[TASK ITEM]
Read the data below. Every line holding the string "Body" must be copied.

[RECORDS PROVIDED]
------

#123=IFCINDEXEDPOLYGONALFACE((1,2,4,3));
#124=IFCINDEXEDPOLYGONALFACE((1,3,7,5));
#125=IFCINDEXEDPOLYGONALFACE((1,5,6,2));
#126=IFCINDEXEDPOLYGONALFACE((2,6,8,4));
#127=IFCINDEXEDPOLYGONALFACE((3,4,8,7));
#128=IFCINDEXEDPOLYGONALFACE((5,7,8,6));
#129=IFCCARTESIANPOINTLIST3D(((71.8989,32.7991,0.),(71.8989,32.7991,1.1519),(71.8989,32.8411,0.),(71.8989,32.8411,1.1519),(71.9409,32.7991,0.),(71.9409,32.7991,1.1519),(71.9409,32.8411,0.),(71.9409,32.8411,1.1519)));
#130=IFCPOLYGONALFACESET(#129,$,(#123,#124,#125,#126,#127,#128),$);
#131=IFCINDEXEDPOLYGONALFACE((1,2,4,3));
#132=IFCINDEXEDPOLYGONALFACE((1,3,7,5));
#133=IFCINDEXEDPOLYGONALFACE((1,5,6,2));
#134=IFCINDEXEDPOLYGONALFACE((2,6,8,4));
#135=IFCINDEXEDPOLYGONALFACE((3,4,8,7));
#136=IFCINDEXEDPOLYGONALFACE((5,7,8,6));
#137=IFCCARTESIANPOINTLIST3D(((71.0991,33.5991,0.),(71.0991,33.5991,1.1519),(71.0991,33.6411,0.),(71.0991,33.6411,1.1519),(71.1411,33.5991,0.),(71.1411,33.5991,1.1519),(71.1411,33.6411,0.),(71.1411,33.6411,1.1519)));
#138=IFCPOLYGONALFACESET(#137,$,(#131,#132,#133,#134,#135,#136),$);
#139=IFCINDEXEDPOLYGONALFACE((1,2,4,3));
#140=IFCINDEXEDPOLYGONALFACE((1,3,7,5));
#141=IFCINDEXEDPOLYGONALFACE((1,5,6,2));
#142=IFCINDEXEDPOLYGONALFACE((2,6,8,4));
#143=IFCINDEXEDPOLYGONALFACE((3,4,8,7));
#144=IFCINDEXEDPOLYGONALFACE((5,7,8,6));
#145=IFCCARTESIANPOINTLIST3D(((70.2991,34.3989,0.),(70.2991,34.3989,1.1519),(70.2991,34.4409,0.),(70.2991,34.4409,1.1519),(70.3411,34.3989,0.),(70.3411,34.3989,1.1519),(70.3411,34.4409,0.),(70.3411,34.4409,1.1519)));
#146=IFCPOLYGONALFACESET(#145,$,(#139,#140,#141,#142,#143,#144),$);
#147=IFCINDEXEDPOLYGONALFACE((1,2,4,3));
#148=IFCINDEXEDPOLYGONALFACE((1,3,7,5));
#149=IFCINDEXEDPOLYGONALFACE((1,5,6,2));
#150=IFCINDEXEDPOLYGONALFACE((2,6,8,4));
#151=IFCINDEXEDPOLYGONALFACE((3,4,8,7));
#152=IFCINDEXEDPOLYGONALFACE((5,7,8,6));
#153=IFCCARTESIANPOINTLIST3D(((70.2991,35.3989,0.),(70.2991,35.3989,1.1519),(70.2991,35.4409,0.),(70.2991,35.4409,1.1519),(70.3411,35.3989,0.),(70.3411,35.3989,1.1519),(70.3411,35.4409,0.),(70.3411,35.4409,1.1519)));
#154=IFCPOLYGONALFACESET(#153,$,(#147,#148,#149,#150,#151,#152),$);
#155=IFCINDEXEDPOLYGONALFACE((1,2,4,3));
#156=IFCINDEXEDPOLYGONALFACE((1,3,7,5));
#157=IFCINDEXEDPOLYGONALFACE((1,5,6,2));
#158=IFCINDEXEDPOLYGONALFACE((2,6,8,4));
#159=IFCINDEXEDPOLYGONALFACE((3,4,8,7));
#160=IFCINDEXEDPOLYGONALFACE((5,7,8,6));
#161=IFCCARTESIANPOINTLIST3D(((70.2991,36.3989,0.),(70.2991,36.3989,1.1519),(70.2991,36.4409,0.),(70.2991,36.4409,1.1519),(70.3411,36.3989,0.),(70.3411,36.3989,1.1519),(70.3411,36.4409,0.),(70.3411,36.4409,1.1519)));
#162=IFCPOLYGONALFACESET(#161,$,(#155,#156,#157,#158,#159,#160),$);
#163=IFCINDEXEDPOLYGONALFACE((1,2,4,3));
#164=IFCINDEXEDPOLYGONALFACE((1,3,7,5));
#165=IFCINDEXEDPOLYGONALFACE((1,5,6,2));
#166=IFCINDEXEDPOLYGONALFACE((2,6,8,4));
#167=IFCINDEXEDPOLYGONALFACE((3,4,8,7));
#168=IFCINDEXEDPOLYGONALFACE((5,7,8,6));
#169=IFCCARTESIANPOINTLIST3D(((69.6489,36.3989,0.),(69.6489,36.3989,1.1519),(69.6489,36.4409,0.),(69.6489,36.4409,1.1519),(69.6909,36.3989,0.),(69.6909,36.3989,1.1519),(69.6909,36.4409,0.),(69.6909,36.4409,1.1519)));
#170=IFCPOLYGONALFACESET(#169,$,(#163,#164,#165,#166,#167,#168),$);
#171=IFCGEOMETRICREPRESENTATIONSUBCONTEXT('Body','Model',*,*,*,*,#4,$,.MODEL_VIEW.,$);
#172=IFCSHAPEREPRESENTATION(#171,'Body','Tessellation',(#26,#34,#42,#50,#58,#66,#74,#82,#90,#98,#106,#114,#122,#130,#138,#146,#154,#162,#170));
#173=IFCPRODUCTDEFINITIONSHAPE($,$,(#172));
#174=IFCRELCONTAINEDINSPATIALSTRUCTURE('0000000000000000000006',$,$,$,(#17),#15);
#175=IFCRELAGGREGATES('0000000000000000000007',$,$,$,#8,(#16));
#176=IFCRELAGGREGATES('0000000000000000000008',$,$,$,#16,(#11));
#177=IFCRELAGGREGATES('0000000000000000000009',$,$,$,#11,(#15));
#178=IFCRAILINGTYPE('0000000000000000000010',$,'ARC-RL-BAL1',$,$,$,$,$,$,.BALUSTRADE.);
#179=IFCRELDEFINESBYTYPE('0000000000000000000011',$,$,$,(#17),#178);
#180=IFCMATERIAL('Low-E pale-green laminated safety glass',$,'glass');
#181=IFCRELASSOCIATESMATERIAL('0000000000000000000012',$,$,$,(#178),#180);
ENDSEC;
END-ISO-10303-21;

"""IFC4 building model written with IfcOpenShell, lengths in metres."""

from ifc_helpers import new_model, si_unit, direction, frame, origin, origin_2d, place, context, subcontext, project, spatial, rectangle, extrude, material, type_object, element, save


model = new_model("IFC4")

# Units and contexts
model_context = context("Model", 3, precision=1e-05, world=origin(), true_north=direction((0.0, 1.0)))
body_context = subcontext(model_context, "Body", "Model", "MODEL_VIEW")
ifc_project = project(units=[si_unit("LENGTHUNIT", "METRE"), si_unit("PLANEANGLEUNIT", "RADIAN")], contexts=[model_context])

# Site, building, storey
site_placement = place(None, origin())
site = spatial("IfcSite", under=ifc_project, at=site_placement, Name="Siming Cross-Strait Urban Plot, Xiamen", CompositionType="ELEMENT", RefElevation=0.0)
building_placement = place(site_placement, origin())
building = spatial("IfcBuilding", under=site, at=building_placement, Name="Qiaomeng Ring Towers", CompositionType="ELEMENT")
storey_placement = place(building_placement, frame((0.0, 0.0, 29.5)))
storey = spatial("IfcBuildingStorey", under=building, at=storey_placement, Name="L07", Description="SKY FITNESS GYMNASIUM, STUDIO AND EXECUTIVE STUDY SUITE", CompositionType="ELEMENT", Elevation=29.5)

------

[EXERCISE ANSWER]
#171=IFCGEOMETRICREPRESENTATIONSUBCONTEXT('Body','Model',*,*,*,*,#4,$,.MODEL_VIEW.,$);
#172=IFCSHAPEREPRESENTATION(#171,'Body','Tessellation',(#26,#34,#42,#50,#58,#66,#74,#82,#90,#98,#106,#114,#122,#130,#138,#146,#154,#162,#170));
body_context = subcontext(model_context, "Body", "Model", "MODEL_VIEW")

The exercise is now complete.